◆ **PROBLEM**:
Please give the number of lines that hold the string "IFCMATERIAL" in the listing, without any other words.

◆ **DATA FOR THE TASK**:
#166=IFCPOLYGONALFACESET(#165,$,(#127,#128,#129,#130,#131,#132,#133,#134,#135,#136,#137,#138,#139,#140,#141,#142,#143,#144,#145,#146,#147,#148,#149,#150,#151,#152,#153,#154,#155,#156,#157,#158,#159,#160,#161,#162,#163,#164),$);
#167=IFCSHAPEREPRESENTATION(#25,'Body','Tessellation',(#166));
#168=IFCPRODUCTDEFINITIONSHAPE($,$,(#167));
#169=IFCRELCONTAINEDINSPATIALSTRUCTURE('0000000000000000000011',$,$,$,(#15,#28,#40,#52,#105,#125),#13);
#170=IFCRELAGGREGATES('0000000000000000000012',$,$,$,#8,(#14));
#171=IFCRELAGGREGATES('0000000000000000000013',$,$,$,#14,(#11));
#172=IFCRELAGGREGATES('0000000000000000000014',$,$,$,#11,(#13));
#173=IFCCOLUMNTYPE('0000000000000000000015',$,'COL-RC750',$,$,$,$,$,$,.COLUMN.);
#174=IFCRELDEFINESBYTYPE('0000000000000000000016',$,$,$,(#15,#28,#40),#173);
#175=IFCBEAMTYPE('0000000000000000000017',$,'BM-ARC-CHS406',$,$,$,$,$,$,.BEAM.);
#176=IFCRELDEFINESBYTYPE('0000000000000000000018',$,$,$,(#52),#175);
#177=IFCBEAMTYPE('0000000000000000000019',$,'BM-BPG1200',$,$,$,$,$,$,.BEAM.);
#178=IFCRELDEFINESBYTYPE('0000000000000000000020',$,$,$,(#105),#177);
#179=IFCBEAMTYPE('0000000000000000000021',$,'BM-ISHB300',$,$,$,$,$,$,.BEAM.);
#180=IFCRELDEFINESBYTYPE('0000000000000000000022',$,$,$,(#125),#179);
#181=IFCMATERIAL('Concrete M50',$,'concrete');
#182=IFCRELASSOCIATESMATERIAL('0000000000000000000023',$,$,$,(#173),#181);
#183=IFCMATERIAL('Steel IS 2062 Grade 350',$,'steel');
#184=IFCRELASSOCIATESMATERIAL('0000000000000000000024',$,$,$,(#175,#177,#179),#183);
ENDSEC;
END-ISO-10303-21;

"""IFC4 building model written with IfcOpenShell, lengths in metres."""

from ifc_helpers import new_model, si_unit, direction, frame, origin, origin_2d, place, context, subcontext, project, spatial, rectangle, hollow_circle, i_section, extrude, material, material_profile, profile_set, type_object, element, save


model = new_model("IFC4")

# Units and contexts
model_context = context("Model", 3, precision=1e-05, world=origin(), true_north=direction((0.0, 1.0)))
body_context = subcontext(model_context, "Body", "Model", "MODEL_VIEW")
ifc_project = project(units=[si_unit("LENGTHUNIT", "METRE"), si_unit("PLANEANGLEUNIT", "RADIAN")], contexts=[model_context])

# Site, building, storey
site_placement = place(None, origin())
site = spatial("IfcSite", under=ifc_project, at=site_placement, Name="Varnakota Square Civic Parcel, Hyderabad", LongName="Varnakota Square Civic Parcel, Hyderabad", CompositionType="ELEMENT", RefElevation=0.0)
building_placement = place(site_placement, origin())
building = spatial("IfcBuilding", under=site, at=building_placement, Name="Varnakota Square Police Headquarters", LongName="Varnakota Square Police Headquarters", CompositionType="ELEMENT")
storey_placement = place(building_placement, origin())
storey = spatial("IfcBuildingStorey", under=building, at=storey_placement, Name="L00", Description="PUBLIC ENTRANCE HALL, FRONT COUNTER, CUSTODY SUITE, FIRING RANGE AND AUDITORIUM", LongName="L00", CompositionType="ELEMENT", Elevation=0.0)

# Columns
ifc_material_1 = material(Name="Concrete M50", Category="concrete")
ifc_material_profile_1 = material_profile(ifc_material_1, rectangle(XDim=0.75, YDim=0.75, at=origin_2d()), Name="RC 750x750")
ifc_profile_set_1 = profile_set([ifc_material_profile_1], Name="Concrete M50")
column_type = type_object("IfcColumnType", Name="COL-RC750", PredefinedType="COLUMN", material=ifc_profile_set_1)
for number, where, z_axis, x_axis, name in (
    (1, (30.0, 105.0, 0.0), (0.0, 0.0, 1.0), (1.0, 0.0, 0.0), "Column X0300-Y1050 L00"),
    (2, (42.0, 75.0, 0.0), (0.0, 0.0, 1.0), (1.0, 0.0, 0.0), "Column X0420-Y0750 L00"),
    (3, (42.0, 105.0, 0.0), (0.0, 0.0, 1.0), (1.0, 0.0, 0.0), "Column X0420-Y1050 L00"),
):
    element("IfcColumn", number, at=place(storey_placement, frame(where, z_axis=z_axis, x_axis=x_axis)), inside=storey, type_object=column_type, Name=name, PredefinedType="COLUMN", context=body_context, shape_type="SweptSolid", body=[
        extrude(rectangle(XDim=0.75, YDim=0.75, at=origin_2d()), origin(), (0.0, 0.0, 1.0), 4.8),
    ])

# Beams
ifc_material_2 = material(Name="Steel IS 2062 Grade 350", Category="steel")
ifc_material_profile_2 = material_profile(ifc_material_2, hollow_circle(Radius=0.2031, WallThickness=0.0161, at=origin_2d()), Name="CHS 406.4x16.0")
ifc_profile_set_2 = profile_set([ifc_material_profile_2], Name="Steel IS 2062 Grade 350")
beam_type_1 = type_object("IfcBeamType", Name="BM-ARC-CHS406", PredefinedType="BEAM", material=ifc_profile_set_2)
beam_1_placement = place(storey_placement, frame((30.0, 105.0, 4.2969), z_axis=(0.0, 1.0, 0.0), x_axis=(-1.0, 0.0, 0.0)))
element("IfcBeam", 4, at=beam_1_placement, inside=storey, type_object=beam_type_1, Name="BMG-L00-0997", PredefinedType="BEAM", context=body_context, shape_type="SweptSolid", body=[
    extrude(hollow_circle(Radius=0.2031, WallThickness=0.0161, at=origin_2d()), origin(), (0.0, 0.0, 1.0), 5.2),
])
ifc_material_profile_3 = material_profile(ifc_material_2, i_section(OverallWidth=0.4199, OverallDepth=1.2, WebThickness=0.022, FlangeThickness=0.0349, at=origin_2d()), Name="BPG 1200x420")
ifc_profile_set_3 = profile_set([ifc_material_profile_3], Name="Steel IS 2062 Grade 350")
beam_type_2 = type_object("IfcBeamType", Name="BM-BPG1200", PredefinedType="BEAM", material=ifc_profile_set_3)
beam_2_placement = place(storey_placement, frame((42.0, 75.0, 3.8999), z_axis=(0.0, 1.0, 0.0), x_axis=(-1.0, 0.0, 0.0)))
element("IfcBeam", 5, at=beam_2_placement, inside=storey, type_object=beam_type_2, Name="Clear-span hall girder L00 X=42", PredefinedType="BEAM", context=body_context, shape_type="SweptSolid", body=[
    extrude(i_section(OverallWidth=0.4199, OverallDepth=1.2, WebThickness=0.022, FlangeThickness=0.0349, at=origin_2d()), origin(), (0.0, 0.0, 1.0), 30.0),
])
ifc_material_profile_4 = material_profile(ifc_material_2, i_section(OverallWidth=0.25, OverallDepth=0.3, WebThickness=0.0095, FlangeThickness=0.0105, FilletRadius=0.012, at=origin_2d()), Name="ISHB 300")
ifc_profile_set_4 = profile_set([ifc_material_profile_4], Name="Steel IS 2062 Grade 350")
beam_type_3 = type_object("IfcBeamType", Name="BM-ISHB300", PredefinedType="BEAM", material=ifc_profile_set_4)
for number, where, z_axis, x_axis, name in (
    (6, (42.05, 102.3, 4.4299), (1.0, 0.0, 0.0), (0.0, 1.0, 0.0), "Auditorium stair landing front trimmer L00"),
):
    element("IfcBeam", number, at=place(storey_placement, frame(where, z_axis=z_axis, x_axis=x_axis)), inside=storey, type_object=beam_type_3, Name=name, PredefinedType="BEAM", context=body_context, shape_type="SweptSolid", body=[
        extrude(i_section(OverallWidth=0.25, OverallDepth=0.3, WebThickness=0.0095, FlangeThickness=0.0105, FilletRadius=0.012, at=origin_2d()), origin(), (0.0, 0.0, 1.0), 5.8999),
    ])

...

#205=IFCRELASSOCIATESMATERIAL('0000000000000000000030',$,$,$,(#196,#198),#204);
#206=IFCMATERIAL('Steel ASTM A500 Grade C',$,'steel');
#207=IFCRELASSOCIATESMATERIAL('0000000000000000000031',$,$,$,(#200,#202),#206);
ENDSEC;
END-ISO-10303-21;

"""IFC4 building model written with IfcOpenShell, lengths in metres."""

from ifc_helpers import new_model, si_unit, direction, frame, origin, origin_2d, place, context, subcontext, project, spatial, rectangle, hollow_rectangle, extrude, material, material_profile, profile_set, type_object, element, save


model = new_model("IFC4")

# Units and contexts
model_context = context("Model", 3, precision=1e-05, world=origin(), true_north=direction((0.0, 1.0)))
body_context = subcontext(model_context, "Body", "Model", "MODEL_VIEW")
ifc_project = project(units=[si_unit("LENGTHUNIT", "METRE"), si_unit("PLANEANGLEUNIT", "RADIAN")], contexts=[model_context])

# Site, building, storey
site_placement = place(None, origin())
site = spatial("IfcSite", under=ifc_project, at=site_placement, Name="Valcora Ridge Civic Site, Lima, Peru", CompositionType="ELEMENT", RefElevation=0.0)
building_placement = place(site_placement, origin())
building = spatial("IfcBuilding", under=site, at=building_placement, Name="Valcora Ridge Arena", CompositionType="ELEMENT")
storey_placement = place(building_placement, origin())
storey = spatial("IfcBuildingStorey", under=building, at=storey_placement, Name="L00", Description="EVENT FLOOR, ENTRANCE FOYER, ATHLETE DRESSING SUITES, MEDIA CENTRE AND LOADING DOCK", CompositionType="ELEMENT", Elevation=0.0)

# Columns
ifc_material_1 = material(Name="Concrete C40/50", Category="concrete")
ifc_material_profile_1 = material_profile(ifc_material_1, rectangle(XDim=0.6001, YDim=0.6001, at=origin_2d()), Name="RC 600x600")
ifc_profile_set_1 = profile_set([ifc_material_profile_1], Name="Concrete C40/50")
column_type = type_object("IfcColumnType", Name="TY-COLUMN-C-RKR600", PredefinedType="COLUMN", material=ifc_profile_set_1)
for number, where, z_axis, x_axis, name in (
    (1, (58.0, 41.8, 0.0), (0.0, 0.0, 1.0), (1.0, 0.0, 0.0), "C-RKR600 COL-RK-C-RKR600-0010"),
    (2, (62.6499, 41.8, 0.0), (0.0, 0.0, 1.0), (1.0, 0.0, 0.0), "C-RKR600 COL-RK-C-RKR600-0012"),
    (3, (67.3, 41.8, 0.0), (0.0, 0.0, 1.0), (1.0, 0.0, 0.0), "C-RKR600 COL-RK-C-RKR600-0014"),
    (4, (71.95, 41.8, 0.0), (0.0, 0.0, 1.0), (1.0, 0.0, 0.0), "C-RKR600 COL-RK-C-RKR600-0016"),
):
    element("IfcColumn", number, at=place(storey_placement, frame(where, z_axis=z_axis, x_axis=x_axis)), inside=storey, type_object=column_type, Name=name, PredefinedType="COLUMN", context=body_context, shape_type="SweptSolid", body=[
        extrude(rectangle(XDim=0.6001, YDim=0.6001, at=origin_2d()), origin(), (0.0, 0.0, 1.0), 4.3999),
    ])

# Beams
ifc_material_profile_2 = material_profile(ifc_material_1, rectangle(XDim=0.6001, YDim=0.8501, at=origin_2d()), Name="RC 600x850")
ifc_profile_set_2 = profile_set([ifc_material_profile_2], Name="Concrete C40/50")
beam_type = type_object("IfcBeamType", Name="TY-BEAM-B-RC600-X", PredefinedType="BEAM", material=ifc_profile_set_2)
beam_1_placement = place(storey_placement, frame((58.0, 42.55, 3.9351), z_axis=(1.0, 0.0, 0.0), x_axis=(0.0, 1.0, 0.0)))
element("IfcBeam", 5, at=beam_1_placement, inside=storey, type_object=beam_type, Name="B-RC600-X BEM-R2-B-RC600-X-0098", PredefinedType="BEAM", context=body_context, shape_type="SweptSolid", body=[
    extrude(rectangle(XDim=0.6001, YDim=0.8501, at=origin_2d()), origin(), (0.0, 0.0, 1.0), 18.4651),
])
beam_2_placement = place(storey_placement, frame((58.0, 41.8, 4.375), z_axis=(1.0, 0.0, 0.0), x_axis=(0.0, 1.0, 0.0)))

◆ **ANSWER FOR THE TASK**:
3